#### Working data
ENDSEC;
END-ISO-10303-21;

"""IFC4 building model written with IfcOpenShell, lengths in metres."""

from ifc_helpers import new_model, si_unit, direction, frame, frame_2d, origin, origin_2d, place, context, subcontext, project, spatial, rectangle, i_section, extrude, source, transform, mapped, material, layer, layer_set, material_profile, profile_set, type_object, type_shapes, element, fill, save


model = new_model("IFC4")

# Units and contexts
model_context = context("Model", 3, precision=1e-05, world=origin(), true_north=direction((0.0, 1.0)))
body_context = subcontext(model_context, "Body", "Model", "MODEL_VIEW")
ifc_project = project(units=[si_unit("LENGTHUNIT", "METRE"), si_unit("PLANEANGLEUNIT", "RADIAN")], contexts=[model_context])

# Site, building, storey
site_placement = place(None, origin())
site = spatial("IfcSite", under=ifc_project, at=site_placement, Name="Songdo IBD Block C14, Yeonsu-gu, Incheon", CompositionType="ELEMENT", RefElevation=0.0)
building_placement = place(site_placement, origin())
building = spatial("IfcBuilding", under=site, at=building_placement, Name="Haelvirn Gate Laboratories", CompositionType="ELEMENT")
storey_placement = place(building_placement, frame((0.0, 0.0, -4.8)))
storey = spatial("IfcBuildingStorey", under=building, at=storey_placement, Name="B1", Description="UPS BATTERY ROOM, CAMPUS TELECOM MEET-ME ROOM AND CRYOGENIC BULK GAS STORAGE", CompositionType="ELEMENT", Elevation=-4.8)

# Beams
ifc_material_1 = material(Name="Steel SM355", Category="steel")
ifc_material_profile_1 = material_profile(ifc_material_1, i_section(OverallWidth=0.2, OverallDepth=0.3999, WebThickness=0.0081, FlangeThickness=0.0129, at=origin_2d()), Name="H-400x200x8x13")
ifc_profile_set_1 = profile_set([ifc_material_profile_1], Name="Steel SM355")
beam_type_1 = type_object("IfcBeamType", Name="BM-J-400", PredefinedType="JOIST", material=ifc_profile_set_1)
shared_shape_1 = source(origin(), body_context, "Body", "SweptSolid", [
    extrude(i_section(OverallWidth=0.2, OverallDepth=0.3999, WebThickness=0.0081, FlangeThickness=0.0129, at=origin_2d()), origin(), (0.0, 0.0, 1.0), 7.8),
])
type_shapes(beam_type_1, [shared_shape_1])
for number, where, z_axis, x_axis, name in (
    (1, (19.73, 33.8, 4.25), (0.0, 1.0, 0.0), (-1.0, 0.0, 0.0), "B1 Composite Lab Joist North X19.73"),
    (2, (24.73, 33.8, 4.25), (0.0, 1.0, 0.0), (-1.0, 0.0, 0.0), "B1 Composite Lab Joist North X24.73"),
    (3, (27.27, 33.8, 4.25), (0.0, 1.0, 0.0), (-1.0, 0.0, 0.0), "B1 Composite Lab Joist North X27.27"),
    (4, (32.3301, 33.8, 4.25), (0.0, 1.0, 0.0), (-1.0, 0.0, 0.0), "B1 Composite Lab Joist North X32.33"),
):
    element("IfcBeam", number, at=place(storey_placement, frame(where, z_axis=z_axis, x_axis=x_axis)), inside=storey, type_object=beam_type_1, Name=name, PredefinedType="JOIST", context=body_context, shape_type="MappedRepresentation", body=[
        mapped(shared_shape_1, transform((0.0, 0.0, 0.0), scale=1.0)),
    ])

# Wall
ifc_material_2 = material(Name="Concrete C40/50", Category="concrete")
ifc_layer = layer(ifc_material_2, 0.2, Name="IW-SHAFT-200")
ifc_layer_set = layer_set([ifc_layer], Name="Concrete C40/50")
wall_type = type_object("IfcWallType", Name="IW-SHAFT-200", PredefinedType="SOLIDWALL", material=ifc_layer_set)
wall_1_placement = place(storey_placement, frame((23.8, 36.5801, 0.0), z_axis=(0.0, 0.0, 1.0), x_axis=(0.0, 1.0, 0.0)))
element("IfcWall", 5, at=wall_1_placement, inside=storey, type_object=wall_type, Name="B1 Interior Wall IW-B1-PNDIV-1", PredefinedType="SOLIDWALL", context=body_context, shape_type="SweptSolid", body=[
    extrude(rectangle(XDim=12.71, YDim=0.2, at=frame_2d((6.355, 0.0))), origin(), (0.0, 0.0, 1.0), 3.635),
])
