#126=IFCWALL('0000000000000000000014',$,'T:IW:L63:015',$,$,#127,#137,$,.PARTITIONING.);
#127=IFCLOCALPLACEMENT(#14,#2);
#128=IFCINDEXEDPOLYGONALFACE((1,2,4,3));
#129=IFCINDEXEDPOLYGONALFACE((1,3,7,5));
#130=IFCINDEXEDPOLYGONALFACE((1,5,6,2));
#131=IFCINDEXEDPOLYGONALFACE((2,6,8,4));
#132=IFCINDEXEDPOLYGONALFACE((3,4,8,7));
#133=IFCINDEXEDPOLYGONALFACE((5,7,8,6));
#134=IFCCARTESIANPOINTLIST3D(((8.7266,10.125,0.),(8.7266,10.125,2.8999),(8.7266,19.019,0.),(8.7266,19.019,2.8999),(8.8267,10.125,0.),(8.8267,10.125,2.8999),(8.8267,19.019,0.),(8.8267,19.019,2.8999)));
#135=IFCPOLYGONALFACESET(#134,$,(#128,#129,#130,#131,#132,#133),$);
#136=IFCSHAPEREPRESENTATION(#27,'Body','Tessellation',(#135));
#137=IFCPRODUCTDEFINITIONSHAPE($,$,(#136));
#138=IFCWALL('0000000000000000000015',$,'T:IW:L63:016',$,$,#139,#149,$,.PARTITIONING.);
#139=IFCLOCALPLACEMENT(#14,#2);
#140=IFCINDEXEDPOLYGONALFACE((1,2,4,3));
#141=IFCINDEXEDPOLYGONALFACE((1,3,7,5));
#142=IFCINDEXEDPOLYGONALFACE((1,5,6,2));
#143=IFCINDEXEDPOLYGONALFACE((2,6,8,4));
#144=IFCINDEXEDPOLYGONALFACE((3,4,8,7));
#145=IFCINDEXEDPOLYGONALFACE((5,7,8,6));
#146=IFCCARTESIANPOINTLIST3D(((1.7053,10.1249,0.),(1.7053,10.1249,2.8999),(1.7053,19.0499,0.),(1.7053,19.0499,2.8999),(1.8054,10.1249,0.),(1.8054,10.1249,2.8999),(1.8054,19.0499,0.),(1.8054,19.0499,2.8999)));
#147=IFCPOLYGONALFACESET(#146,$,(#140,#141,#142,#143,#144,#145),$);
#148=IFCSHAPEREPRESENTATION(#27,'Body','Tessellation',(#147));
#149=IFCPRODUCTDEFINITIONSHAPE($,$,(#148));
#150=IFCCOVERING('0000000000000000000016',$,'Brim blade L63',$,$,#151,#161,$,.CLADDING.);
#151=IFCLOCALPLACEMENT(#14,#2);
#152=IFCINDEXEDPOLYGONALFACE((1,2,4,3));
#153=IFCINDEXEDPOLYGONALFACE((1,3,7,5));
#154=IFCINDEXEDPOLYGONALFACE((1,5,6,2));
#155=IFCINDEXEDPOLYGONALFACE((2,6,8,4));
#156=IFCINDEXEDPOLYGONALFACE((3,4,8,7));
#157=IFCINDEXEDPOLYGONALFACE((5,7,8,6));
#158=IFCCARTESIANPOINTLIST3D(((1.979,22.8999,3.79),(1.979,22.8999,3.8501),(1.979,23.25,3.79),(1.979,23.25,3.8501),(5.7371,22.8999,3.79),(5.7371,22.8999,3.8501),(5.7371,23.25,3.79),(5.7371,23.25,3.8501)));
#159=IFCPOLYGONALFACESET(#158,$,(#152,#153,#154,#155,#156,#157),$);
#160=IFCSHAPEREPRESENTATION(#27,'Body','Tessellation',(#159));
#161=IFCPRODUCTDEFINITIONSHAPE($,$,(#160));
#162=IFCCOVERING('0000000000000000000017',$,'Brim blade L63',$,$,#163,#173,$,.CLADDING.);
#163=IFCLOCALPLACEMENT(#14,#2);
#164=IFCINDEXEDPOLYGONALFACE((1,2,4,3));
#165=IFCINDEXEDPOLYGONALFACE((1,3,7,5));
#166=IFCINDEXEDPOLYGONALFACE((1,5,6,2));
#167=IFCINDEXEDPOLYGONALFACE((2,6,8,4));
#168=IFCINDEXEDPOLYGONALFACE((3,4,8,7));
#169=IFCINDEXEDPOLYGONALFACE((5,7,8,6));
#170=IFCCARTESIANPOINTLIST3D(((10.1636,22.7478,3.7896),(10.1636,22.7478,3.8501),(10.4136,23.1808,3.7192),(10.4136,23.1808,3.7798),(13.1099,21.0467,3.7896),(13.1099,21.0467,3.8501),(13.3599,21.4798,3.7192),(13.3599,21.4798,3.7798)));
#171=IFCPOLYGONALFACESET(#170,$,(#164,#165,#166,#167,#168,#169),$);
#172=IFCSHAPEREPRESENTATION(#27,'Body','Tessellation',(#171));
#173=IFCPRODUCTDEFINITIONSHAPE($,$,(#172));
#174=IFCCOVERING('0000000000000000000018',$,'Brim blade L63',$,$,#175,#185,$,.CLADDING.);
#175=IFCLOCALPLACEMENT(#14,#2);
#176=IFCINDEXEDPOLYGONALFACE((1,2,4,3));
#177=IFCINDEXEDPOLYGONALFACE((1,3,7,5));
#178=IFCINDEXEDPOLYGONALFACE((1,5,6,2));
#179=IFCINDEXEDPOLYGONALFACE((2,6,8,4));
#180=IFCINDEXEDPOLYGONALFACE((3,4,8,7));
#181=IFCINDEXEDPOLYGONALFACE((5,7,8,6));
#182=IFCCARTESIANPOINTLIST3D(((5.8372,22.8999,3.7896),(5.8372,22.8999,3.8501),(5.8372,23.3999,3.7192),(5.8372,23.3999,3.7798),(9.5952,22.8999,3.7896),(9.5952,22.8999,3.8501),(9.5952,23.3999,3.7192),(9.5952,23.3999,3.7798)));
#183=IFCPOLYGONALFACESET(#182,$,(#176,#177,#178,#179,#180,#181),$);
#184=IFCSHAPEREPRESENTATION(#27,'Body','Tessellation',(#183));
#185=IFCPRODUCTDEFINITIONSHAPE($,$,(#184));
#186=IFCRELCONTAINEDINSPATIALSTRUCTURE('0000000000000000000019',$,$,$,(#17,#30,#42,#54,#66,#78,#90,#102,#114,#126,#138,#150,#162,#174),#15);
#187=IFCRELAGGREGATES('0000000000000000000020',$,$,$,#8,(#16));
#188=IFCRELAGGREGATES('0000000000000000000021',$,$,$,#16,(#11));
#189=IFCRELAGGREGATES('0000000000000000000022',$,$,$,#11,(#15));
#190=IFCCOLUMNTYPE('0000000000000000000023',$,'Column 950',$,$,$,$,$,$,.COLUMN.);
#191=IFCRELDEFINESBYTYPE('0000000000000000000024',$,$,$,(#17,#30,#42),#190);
* * *
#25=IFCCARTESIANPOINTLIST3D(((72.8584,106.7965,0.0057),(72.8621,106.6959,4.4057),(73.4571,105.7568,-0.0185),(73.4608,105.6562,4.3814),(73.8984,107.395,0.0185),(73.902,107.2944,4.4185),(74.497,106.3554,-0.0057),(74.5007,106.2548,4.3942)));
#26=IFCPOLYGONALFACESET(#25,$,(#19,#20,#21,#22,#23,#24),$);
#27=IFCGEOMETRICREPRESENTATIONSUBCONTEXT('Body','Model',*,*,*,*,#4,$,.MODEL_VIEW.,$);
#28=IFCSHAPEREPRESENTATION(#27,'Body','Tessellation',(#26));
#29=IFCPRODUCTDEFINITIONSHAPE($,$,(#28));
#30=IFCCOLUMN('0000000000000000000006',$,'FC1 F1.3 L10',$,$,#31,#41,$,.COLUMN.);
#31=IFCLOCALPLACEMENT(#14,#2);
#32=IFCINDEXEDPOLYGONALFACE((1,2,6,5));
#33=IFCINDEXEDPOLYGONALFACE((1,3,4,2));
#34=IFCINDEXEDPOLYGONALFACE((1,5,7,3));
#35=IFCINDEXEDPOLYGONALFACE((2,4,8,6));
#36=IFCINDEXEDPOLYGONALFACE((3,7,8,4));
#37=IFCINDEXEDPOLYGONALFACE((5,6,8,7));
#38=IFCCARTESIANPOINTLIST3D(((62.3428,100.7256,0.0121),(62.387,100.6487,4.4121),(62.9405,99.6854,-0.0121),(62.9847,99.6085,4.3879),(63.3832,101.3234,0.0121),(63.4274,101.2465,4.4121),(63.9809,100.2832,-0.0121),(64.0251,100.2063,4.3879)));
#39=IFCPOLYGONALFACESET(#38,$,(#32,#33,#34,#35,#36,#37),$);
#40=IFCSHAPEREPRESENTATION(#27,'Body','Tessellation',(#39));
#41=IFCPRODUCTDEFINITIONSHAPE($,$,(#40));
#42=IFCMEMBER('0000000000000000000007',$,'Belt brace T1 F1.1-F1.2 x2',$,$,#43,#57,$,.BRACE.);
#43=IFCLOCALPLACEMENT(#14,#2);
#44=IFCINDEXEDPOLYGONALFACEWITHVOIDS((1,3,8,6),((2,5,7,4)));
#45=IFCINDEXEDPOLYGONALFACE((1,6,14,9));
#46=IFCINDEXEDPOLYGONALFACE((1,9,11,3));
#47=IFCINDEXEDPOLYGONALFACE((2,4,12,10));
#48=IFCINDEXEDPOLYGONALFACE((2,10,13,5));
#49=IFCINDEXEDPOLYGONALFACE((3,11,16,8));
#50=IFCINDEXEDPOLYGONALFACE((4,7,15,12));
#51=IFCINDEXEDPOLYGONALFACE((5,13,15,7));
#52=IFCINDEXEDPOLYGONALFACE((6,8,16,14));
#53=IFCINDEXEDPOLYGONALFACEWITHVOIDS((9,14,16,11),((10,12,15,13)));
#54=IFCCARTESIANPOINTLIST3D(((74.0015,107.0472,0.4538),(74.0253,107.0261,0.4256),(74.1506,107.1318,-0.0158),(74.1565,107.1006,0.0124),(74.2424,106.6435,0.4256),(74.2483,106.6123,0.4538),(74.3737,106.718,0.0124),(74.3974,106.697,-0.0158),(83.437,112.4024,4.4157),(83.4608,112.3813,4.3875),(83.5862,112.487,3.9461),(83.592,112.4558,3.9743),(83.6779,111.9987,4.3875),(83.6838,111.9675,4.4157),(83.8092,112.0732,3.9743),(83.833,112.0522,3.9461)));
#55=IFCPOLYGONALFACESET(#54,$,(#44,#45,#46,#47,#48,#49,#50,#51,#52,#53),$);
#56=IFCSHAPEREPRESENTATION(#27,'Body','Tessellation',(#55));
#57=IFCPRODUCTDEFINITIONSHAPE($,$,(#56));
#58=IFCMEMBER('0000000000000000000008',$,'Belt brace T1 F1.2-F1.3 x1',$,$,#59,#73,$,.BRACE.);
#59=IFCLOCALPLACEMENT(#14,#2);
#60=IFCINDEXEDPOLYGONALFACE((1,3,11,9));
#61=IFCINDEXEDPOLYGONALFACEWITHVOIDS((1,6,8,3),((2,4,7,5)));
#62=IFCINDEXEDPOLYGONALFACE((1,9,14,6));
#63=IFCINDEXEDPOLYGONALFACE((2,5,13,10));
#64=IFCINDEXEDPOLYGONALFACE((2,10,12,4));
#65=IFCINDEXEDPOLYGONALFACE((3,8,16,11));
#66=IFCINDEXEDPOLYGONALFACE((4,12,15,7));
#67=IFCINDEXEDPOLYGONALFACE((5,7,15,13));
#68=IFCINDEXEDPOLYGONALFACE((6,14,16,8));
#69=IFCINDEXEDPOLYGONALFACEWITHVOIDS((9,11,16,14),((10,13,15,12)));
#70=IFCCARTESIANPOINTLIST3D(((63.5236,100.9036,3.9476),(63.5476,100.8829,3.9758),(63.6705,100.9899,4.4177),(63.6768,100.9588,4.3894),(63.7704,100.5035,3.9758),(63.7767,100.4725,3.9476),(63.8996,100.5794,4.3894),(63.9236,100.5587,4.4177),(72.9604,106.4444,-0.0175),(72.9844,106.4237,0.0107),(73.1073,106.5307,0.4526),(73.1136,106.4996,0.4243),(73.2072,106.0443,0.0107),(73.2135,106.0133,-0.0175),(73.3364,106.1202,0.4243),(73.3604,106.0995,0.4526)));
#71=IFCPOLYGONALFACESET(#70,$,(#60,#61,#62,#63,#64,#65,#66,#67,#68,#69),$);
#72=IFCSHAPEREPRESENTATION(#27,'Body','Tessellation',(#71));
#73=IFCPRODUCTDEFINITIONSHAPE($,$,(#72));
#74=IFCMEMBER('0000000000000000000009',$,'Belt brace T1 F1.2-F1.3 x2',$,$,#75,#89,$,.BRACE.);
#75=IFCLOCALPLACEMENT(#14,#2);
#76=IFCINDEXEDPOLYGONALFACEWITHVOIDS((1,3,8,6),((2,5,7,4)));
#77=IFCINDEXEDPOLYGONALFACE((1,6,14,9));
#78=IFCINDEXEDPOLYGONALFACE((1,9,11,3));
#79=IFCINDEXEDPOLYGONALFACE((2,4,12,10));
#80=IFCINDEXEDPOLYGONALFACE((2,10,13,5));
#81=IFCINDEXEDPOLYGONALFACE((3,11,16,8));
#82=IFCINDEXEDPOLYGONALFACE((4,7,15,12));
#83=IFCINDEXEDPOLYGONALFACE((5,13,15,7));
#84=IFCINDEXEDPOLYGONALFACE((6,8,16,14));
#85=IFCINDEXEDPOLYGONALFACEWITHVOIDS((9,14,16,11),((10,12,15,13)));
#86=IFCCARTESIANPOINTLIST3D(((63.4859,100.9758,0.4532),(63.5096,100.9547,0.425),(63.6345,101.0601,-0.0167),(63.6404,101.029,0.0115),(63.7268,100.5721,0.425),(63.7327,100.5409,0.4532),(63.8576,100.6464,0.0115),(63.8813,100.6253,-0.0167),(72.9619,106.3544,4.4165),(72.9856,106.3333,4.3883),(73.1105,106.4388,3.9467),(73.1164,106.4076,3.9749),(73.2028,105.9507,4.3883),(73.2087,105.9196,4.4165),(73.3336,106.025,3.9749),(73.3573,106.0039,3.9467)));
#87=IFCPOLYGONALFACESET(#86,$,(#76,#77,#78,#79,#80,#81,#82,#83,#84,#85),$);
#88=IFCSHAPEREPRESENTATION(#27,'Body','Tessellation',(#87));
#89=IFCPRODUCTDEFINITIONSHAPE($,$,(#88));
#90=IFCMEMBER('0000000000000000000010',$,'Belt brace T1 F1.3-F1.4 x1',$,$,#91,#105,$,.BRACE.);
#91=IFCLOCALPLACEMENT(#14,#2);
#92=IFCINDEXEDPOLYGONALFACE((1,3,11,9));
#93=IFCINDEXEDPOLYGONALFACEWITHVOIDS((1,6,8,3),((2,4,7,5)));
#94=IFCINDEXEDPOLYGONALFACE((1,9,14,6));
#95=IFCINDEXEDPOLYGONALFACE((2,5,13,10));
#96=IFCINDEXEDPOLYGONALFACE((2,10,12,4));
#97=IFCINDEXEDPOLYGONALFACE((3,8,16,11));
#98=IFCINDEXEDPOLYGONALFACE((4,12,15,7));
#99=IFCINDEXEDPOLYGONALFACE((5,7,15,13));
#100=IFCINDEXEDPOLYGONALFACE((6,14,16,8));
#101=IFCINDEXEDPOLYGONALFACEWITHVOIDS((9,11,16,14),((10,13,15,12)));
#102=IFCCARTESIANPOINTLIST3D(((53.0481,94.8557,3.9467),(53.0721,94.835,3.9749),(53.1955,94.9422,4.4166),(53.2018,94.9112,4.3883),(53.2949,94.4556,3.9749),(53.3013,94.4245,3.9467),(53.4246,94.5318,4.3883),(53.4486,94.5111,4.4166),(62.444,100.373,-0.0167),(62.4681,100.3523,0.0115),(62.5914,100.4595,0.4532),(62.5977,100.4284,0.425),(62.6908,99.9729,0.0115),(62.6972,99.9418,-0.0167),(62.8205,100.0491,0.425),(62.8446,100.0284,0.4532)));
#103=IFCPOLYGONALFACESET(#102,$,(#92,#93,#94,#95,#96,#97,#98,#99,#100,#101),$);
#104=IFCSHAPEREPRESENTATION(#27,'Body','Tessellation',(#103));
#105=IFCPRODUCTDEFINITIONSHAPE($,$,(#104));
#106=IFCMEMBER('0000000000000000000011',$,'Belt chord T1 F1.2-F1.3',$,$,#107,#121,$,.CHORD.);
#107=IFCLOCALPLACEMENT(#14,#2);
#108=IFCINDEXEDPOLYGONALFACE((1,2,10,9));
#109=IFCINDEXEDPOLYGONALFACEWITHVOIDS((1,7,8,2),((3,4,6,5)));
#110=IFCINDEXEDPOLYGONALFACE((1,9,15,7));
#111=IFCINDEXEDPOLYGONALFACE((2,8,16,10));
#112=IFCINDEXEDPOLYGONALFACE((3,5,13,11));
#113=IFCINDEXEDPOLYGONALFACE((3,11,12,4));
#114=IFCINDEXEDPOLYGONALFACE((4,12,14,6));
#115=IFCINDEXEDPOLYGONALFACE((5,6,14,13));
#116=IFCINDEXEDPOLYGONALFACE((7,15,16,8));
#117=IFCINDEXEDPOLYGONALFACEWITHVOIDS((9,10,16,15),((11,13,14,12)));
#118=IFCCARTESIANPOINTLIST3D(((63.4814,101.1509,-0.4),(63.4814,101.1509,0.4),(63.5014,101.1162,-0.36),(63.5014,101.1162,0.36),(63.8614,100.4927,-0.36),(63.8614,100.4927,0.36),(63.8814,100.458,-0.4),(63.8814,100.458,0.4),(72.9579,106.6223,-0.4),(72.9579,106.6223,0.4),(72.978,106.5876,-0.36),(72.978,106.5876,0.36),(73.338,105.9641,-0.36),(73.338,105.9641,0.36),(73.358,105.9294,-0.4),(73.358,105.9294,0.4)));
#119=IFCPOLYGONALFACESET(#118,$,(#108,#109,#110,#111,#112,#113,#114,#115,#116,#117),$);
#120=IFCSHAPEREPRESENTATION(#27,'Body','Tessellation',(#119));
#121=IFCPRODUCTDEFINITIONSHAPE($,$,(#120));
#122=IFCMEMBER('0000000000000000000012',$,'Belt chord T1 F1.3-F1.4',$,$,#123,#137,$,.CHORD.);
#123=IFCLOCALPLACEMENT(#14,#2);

#### What you are asked to do
Working from the records above, write out verbatim only the lines from the line containing "#48=IFCINDEXEDPOLYGONALFACE((2,10,13,5));" through the line containing "#65=IFCINDEXEDPOLYGONALFACE((3,8,16,11));".

#### Task answer
#48=IFCINDEXEDPOLYGONALFACE((2,10,13,5));
#49=IFCINDEXEDPOLYGONALFACE((3,11,16,8));
#50=IFCINDEXEDPOLYGONALFACE((4,7,15,12));
#51=IFCINDEXEDPOLYGONALFACE((5,13,15,7));
#52=IFCINDEXEDPOLYGONALFACE((6,8,16,14));
#53=IFCINDEXEDPOLYGONALFACEWITHVOIDS((9,14,16,11),((10,12,15,13)));
#54=IFCCARTESIANPOINTLIST3D(((74.0015,107.0472,0.4538),(74.0253,107.0261,0.4256),(74.1506,107.1318,-0.0158),(74.1565,107.1006,0.0124),(74.2424,106.6435,0.4256),(74.2483,106.6123,0.4538),(74.3737,106.718,0.0124),(74.3974,106.697,-0.0158),(83.437,112.4024,4.4157),(83.4608,112.3813,4.3875),(83.5862,112.487,3.9461),(83.592,112.4558,3.9743),(83.6779,111.9987,4.3875),(83.6838,111.9675,4.4157),(83.8092,112.0732,3.9743),(83.833,112.0522,3.9461)));
#55=IFCPOLYGONALFACESET(#54,$,(#44,#45,#46,#47,#48,#49,#50,#51,#52,#53),$);
#56=IFCSHAPEREPRESENTATION(#27,'Body','Tessellation',(#55));
#57=IFCPRODUCTDEFINITIONSHAPE($,$,(#56));
#58=IFCMEMBER('0000000000000000000008',$,'Belt brace T1 F1.2-F1.3 x1',$,$,#59,#73,$,.BRACE.);
#59=IFCLOCALPLACEMENT(#14,#2);
#60=IFCINDEXEDPOLYGONALFACE((1,3,11,9));
#61=IFCINDEXEDPOLYGONALFACEWITHVOIDS((1,6,8,3),((2,4,7,5)));
#62=IFCINDEXEDPOLYGONALFACE((1,9,14,6));
#63=IFCINDEXEDPOLYGONALFACE((2,5,13,10));
#64=IFCINDEXEDPOLYGONALFACE((2,10,12,4));
#65=IFCINDEXEDPOLYGONALFACE((3,8,16,11));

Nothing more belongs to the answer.